* What is needed *
Please reproduce each line of the data below exactly as shown.

··· Listed records

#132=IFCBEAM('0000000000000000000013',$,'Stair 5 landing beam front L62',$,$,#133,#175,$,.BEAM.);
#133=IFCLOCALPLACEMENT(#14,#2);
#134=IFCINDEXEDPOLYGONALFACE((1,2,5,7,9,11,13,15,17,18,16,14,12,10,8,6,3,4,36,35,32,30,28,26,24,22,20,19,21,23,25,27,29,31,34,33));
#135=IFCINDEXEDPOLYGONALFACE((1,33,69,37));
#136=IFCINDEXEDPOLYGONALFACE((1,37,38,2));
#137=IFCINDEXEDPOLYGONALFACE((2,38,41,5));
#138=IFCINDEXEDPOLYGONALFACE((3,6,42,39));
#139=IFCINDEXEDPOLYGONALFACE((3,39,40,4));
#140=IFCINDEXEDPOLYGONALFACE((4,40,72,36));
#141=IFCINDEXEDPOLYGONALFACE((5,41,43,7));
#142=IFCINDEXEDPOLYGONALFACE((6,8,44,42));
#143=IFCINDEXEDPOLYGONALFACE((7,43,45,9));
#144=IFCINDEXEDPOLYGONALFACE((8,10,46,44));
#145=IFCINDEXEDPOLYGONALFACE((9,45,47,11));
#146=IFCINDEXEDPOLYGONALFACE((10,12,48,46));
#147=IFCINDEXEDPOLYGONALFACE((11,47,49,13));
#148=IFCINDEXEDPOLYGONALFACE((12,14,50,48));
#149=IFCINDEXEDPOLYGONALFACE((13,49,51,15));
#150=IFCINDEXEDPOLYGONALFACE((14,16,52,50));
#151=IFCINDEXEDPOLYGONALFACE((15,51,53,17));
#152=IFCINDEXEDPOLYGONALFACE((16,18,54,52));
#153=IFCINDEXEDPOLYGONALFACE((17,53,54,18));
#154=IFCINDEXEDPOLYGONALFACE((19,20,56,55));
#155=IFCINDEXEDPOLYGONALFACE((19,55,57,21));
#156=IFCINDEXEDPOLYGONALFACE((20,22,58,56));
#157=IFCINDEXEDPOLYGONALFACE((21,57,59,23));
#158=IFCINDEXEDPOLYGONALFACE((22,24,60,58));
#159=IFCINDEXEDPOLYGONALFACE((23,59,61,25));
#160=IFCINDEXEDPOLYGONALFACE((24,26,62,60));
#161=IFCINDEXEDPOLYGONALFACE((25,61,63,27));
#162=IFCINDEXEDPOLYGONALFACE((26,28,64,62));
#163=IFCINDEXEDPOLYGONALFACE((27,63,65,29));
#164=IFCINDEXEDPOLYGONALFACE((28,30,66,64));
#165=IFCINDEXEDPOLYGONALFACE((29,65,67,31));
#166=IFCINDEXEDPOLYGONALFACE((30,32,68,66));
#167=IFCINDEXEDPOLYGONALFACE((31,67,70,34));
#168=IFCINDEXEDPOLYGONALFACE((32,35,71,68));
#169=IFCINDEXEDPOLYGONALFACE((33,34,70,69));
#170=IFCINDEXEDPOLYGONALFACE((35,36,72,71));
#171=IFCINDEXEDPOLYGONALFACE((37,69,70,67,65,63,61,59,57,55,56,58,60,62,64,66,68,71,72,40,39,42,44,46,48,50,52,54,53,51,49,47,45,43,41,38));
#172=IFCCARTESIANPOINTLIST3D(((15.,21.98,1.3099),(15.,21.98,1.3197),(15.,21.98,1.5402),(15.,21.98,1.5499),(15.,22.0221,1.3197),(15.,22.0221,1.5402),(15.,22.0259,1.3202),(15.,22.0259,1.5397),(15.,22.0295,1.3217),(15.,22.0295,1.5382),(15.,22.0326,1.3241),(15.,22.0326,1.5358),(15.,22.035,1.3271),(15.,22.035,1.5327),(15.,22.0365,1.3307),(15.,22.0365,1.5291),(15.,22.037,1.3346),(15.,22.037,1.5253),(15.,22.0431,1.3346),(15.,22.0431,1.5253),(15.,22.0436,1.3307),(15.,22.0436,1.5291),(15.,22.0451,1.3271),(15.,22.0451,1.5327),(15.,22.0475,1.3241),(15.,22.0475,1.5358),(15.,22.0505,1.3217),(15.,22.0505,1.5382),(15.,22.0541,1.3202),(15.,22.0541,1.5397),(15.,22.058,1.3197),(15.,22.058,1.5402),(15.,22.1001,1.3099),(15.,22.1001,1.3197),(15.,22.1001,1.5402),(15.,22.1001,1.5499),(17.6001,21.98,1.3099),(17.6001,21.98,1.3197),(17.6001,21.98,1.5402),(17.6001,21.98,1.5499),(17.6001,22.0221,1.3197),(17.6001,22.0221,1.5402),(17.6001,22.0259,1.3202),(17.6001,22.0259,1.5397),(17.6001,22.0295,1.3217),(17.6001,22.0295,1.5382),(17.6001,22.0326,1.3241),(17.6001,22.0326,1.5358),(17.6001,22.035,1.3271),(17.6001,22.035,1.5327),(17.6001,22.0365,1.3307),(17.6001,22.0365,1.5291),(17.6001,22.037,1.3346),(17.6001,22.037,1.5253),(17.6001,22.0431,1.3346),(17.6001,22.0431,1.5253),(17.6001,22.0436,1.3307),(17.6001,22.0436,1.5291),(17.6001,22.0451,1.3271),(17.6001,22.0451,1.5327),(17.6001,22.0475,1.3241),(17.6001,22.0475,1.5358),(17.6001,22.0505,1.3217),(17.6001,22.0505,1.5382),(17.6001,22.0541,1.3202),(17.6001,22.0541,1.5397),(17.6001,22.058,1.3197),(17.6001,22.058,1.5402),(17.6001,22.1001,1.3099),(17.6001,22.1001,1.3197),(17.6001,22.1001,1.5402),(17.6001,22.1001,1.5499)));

······

* Result for this task *
#132=IFCBEAM('0000000000000000000013',$,'Stair 5 landing beam front L62',$,$,#133,#175,$,.BEAM.);
#133=IFCLOCALPLACEMENT(#14,#2);
#134=IFCINDEXEDPOLYGONALFACE((1,2,5,7,9,11,13,15,17,18,16,14,12,10,8,6,3,4,36,35,32,30,28,26,24,22,20,19,21,23,25,27,29,31,34,33));
#135=IFCINDEXEDPOLYGONALFACE((1,33,69,37));
#136=IFCINDEXEDPOLYGONALFACE((1,37,38,2));
#137=IFCINDEXEDPOLYGONALFACE((2,38,41,5));
#138=IFCINDEXEDPOLYGONALFACE((3,6,42,39));
#139=IFCINDEXEDPOLYGONALFACE((3,39,40,4));
#140=IFCINDEXEDPOLYGONALFACE((4,40,72,36));
#141=IFCINDEXEDPOLYGONALFACE((5,41,43,7));
#142=IFCINDEXEDPOLYGONALFACE((6,8,44,42));
#143=IFCINDEXEDPOLYGONALFACE((7,43,45,9));
#144=IFCINDEXEDPOLYGONALFACE((8,10,46,44));
#145=IFCINDEXEDPOLYGONALFACE((9,45,47,11));
#146=IFCINDEXEDPOLYGONALFACE((10,12,48,46));
#147=IFCINDEXEDPOLYGONALFACE((11,47,49,13));
#148=IFCINDEXEDPOLYGONALFACE((12,14,50,48));
#149=IFCINDEXEDPOLYGONALFACE((13,49,51,15));
#150=IFCINDEXEDPOLYGONALFACE((14,16,52,50));
#151=IFCINDEXEDPOLYGONALFACE((15,51,53,17));
#152=IFCINDEXEDPOLYGONALFACE((16,18,54,52));
#153=IFCINDEXEDPOLYGONALFACE((17,53,54,18));
#154=IFCINDEXEDPOLYGONALFACE((19,20,56,55));
#155=IFCINDEXEDPOLYGONALFACE((19,55,57,21));
#156=IFCINDEXEDPOLYGONALFACE((20,22,58,56));
#157=IFCINDEXEDPOLYGONALFACE((21,57,59,23));
#158=IFCINDEXEDPOLYGONALFACE((22,24,60,58));
#159=IFCINDEXEDPOLYGONALFACE((23,59,61,25));
#160=IFCINDEXEDPOLYGONALFACE((24,26,62,60));
#161=IFCINDEXEDPOLYGONALFACE((25,61,63,27));
#162=IFCINDEXEDPOLYGONALFACE((26,28,64,62));
#163=IFCINDEXEDPOLYGONALFACE((27,63,65,29));
#164=IFCINDEXEDPOLYGONALFACE((28,30,66,64));
#165=IFCINDEXEDPOLYGONALFACE((29,65,67,31));
#166=IFCINDEXEDPOLYGONALFACE((30,32,68,66));
#167=IFCINDEXEDPOLYGONALFACE((31,67,70,34));
#168=IFCINDEXEDPOLYGONALFACE((32,35,71,68));
#169=IFCINDEXEDPOLYGONALFACE((33,34,70,69));
#170=IFCINDEXEDPOLYGONALFACE((35,36,72,71));
#171=IFCINDEXEDPOLYGONALFACE((37,69,70,67,65,63,61,59,57,55,56,58,60,62,64,66,68,71,72,40,39,42,44,46,48,50,52,54,53,51,49,47,45,43,41,38));
#172=IFCCARTESIANPOINTLIST3D(((15.,21.98,1.3099),(15.,21.98,1.3197),(15.,21.98,1.5402),(15.,21.98,1.5499),(15.,22.0221,1.3197),(15.,22.0221,1.5402),(15.,22.0259,1.3202),(15.,22.0259,1.5397),(15.,22.0295,1.3217),(15.,22.0295,1.5382),(15.,22.0326,1.3241),(15.,22.0326,1.5358),(15.,22.035,1.3271),(15.,22.035,1.5327),(15.,22.0365,1.3307),(15.,22.0365,1.5291),(15.,22.037,1.3346),(15.,22.037,1.5253),(15.,22.0431,1.3346),(15.,22.0431,1.5253),(15.,22.0436,1.3307),(15.,22.0436,1.5291),(15.,22.0451,1.3271),(15.,22.0451,1.5327),(15.,22.0475,1.3241),(15.,22.0475,1.5358),(15.,22.0505,1.3217),(15.,22.0505,1.5382),(15.,22.0541,1.3202),(15.,22.0541,1.5397),(15.,22.058,1.3197),(15.,22.058,1.5402),(15.,22.1001,1.3099),(15.,22.1001,1.3197),(15.,22.1001,1.5402),(15.,22.1001,1.5499),(17.6001,21.98,1.3099),(17.6001,21.98,1.3197),(17.6001,21.98,1.5402),(17.6001,21.98,1.5499),(17.6001,22.0221,1.3197),(17.6001,22.0221,1.5402),(17.6001,22.0259,1.3202),(17.6001,22.0259,1.5397),(17.6001,22.0295,1.3217),(17.6001,22.0295,1.5382),(17.6001,22.0326,1.3241),(17.6001,22.0326,1.5358),(17.6001,22.035,1.3271),(17.6001,22.035,1.5327),(17.6001,22.0365,1.3307),(17.6001,22.0365,1.5291),(17.6001,22.037,1.3346),(17.6001,22.037,1.5253),(17.6001,22.0431,1.3346),(17.6001,22.0431,1.5253),(17.6001,22.0436,1.3307),(17.6001,22.0436,1.5291),(17.6001,22.0451,1.3271),(17.6001,22.0451,1.5327),(17.6001,22.0475,1.3241),(17.6001,22.0475,1.5358),(17.6001,22.0505,1.3217),(17.6001,22.0505,1.5382),(17.6001,22.0541,1.3202),(17.6001,22.0541,1.5397),(17.6001,22.058,1.3197),(17.6001,22.058,1.5402),(17.6001,22.1001,1.3099),(17.6001,22.1001,1.3197),(17.6001,22.1001,1.5402),(17.6001,22.1001,1.5499)));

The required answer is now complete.